SOURCE RECORDS:
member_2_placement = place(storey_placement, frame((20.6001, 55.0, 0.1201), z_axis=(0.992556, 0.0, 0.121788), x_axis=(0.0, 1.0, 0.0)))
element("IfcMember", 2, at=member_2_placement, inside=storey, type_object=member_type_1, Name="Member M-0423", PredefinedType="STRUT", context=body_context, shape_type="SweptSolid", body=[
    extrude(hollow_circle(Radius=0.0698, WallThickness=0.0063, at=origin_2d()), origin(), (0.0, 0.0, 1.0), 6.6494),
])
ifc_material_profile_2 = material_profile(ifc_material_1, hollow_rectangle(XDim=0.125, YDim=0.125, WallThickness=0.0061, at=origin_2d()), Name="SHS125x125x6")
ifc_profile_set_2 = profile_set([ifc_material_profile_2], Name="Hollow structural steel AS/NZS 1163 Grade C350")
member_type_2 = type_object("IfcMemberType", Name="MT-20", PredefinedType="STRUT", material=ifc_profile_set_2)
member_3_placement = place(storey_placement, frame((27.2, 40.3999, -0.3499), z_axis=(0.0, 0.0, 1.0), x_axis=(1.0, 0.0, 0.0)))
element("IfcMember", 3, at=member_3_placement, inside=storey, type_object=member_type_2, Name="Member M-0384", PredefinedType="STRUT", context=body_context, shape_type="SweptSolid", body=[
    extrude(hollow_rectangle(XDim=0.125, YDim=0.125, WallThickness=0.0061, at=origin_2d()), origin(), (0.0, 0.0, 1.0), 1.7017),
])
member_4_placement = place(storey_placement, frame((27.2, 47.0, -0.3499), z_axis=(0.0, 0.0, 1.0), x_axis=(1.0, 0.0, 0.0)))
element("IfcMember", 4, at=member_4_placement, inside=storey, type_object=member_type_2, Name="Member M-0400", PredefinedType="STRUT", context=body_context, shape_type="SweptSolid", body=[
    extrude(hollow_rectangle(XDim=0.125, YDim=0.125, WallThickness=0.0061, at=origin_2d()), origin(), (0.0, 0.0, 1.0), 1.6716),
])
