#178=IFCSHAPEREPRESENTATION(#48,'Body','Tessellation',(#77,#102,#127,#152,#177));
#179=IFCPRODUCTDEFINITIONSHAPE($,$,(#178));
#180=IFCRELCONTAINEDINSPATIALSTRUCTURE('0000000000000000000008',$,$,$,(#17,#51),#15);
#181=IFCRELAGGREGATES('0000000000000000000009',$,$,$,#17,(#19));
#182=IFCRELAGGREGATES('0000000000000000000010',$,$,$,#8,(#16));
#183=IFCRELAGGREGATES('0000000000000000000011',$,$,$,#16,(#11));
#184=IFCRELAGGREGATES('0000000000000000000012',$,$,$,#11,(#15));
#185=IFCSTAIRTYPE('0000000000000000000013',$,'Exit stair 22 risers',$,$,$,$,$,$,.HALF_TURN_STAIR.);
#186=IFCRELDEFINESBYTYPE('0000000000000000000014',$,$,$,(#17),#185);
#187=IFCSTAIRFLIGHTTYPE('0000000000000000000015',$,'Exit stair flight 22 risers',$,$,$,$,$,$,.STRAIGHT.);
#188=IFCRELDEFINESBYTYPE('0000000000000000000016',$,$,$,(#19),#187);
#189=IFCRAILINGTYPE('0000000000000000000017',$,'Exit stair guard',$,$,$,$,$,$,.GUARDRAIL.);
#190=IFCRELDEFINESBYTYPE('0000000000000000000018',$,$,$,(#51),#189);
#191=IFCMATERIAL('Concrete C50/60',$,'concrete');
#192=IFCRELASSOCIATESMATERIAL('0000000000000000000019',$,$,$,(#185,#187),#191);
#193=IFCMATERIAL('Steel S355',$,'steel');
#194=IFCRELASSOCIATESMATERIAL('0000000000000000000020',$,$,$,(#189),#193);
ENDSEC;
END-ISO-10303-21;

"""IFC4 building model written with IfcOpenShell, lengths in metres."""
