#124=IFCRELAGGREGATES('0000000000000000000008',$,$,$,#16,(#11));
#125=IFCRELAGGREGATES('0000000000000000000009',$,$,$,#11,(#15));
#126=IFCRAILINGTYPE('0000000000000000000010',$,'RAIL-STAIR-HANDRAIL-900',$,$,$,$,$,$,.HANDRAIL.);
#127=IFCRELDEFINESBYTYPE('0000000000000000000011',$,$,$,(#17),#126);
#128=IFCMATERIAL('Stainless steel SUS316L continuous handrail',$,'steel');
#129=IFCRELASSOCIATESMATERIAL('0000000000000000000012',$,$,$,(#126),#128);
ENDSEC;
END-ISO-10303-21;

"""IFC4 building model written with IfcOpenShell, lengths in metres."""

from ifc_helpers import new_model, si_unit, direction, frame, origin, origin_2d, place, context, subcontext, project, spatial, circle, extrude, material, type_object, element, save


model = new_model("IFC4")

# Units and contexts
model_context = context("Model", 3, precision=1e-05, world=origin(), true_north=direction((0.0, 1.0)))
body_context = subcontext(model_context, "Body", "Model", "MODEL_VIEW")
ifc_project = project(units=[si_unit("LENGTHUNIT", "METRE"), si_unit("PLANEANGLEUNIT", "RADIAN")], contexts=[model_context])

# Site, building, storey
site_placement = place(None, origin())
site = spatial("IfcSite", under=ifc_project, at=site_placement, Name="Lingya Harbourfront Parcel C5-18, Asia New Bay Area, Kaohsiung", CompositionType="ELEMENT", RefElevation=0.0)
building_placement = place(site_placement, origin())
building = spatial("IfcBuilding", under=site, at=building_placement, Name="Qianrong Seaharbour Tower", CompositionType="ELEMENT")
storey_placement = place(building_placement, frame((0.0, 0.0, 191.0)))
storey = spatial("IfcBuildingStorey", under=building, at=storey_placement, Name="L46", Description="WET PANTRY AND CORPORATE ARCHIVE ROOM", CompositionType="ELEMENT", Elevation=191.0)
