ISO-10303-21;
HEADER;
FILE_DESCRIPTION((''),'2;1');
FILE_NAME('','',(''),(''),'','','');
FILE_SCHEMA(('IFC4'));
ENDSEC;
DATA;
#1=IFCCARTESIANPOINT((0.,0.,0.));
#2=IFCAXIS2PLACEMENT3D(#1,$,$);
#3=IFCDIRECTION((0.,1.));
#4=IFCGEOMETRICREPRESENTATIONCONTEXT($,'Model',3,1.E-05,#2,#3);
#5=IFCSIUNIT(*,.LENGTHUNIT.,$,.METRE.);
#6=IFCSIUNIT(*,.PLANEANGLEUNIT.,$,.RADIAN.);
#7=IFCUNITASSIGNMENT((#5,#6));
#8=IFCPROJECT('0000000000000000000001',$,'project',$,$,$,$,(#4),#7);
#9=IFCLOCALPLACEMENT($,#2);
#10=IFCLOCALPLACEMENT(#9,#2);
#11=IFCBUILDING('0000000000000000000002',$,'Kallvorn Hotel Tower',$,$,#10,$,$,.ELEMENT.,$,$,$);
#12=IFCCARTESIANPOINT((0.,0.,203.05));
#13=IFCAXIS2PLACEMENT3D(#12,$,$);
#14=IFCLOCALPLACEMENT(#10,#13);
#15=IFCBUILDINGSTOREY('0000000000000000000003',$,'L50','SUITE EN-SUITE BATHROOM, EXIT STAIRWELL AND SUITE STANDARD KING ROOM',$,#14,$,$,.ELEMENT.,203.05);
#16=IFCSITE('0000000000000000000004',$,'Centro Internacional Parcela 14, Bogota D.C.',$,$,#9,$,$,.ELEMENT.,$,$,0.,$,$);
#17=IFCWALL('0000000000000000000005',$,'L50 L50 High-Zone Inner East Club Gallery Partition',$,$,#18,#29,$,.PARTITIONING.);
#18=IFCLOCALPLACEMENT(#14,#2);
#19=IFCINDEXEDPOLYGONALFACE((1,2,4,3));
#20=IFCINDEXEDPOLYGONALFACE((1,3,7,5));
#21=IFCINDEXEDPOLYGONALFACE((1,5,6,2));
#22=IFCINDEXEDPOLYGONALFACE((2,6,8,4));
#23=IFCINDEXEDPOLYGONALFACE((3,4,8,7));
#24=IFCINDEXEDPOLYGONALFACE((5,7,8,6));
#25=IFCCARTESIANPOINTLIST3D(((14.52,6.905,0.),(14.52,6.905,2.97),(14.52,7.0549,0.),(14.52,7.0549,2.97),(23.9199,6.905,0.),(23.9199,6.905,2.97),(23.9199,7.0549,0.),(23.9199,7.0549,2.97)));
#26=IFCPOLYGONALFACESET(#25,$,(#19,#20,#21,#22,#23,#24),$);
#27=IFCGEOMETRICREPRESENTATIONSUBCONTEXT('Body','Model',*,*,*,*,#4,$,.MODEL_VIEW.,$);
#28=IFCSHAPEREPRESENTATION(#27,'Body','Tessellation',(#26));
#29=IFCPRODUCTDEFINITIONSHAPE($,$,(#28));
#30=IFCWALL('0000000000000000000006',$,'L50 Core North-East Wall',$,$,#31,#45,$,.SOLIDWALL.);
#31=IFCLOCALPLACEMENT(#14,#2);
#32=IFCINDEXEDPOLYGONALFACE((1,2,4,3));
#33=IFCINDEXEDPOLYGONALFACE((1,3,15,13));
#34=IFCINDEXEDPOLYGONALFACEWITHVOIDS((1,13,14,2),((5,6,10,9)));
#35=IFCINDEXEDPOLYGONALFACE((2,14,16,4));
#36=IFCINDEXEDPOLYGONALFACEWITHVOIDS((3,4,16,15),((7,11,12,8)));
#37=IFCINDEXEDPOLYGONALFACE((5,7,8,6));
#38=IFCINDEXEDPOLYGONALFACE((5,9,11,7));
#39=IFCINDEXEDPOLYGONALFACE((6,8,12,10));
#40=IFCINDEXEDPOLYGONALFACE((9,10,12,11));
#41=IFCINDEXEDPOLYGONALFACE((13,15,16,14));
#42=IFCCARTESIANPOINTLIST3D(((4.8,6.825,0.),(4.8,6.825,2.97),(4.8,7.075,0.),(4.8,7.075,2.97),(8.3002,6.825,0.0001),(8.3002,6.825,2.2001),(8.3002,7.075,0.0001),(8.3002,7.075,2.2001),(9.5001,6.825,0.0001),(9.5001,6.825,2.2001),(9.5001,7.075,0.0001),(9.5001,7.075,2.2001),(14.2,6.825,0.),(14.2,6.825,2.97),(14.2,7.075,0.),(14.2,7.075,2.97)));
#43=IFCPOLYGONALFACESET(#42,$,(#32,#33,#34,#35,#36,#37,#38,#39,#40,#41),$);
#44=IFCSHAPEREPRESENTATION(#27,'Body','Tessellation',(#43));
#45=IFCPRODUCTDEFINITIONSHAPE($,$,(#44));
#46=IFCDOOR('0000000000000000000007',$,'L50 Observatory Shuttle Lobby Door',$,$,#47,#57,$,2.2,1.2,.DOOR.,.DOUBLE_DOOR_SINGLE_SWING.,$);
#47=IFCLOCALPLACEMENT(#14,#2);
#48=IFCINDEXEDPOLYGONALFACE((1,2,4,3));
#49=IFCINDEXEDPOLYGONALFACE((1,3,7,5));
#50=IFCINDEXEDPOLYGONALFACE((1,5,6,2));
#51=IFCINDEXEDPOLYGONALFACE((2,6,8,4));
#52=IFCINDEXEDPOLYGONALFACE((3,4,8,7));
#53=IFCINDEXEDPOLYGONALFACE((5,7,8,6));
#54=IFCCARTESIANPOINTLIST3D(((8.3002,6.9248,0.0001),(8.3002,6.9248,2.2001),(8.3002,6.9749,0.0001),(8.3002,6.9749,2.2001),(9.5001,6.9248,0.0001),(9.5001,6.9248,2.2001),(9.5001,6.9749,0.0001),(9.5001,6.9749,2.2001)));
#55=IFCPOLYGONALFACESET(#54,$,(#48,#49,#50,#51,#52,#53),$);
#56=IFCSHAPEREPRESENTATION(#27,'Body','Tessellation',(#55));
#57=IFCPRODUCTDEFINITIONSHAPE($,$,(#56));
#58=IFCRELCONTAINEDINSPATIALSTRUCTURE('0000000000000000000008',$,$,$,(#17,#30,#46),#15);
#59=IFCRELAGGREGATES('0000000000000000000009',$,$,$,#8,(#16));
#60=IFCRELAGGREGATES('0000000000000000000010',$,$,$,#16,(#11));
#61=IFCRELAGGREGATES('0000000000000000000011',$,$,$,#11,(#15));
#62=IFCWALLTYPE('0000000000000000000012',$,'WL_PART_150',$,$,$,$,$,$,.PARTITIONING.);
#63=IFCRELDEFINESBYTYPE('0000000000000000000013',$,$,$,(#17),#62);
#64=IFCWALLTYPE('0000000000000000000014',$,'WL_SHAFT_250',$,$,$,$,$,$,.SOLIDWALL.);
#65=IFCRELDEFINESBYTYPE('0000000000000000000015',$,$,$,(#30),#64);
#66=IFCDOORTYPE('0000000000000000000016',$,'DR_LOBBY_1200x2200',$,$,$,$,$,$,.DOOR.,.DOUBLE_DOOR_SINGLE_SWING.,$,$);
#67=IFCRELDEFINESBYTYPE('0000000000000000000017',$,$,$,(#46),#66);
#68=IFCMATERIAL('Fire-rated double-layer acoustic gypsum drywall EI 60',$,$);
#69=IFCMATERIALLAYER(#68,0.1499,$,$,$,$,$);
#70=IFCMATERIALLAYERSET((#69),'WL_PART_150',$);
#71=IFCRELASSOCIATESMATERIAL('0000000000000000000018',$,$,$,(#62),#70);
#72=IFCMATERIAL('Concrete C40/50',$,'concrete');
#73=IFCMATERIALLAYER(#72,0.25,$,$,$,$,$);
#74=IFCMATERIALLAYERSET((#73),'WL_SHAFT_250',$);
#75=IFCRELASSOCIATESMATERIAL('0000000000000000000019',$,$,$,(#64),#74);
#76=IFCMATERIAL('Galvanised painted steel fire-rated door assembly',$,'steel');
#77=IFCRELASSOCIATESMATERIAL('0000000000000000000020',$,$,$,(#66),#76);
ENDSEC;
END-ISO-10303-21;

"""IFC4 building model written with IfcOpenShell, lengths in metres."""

from ifc_helpers import new_model, si_unit, direction, frame, frame_2d, origin, place, context, subcontext, project, spatial, rectangle, extrude, material, layer, layer_set, type_object, element, fill, save


model = new_model("IFC4")

# Units and contexts
model_context = context("Model", 3, precision=1e-05, world=origin(), true_north=direction((0.0, 1.0)))
body_context = subcontext(model_context, "Body", "Model", "MODEL_VIEW")
ifc_project = project(units=[si_unit("LENGTHUNIT", "METRE"), si_unit("PLANEANGLEUNIT", "RADIAN")], contexts=[model_context])

# Site, building, storey
site_placement = place(None, origin())
site = spatial("IfcSite", under=ifc_project, at=site_placement, Name="Centro Internacional Parcela 14, Bogota D.C.", CompositionType="ELEMENT", RefElevation=0.0)
building_placement = place(site_placement, origin())
building = spatial("IfcBuilding", under=site, at=building_placement, Name="Kallvorn Hotel Tower", CompositionType="ELEMENT")
storey_placement = place(building_placement, frame((0.0, 0.0, 203.05)))
storey = spatial("IfcBuildingStorey", under=building, at=storey_placement, Name="L50", Description="SUITE EN-SUITE BATHROOM, EXIT STAIRWELL AND SUITE STANDARD KING ROOM", CompositionType="ELEMENT", Elevation=203.05)

# Wall
ifc_material_1 = material(Name="Fire-rated double-layer acoustic gypsum drywall EI 60")
ifc_layer_1 = layer(ifc_material_1, 0.1499)
ifc_layer_set_1 = layer_set([ifc_layer_1], Name="WL_PART_150")
wall_type_1 = type_object("IfcWallType", Name="WL_PART_150", PredefinedType="PARTITIONING", material=ifc_layer_set_1)
wall_1_placement = place(storey_placement, frame((14.52, 6.98, 0.0), z_axis=(0.0, 0.0, 1.0), x_axis=(1.0, 0.0, 0.0)))
element("IfcWall", 1, at=wall_1_placement, inside=storey, type_object=wall_type_1, Name="L50 L50 High-Zone Inner East Club Gallery Partition", PredefinedType="PARTITIONING", context=body_context, shape_type="SweptSolid", body=[
    extrude(rectangle(XDim=9.3999, YDim=0.1499, at=frame_2d((4.7, 0.0))), origin(), (0.0, 0.0, 1.0), 2.97),
])

# Wall, opening, door
ifc_material_2 = material(Name="Concrete C40/50", Category="concrete")
ifc_layer_2 = layer(ifc_material_2, 0.25)
ifc_layer_set_2 = layer_set([ifc_layer_2], Name="WL_SHAFT_250")
wall_type_2 = type_object("IfcWallType", Name="WL_SHAFT_250", PredefinedType="SOLIDWALL", material=ifc_layer_set_2)
wall_2_placement = place(storey_placement, frame((4.8, 6.95, 0.0), z_axis=(0.0, 0.0, 1.0), x_axis=(1.0, 0.0, 0.0)))
wall_2 = element("IfcWall", 2, at=wall_2_placement, inside=storey, type_object=wall_type_2, Name="L50 Core North-East Wall", PredefinedType="SOLIDWALL", context=body_context, shape_type="SweptSolid", body=[
    extrude(rectangle(XDim=9.3999, YDim=0.25, at=frame_2d((4.7, 0.0))), origin(), (0.0, 0.0, 1.0), 2.97),
])
opening_1_placement = place(wall_2_placement, frame((3.5, 0.0, 0.0)))
opening_1 = element("IfcOpeningElement", 3, at=opening_1_placement, cuts=wall_2, PredefinedType="OPENING", context=body_context, shape_type="SweptSolid", body=[
    extrude(rectangle(XDim=1.2, YDim=2.2, at=frame_2d((0.6001, 1.1001))), frame((0.0, 0.1399, 0.0), z_axis=(0.0, -1.0, 0.0), x_axis=(1.0, 0.0, 0.0)), (0.0, 0.0, 1.0), 0.28),
])
ifc_material_3 = material(Name="Galvanised painted steel fire-rated door assembly", Category="steel")
door_type_1 = type_object("IfcDoorType", Name="DR_LOBBY_1200x2200", OperationType="DOUBLE_DOOR_SINGLE_SWING", PredefinedType="DOOR", material=ifc_material_3)
door_1_placement = place(opening_1_placement, origin())
door_1 = element("IfcDoor", 4, at=door_1_placement, inside=storey, type_object=door_type_1, Name="L50 Observatory Shuttle Lobby Door", OperationType="DOUBLE_DOOR_SINGLE_SWING", OverallHeight=2.2, OverallWidth=1.2, PredefinedType="DOOR", context=body_context, shape_type="SweptSolid", body=[
    extrude(rectangle(XDim=1.2, YDim=2.2, at=frame_2d((0.6001, 1.1001))), frame((0.0, 0.0249, 0.0), z_axis=(0.0, -1.0, 0.0), x_axis=(1.0, 0.0, 0.0)), (0.0, 0.0, 1.0), 0.05),
])
fill(opening_1, door_1)

save(model, "model.ifc")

ABOUT THIS EXERCISE: What lines of the preceding data include the string "Tessellation"? Pull them out.

RESULT FOR THIS EXERCISE:
#178=IFCSHAPEREPRESENTATION(#48,'Body','Tessellation',(#77,#102,#127,#152,#177));
#28=IFCSHAPEREPRESENTATION(#27,'Body','Tessellation',(#26));
#44=IFCSHAPEREPRESENTATION(#27,'Body','Tessellation',(#43));
#56=IFCSHAPEREPRESENTATION(#27,'Body','Tessellation',(#55));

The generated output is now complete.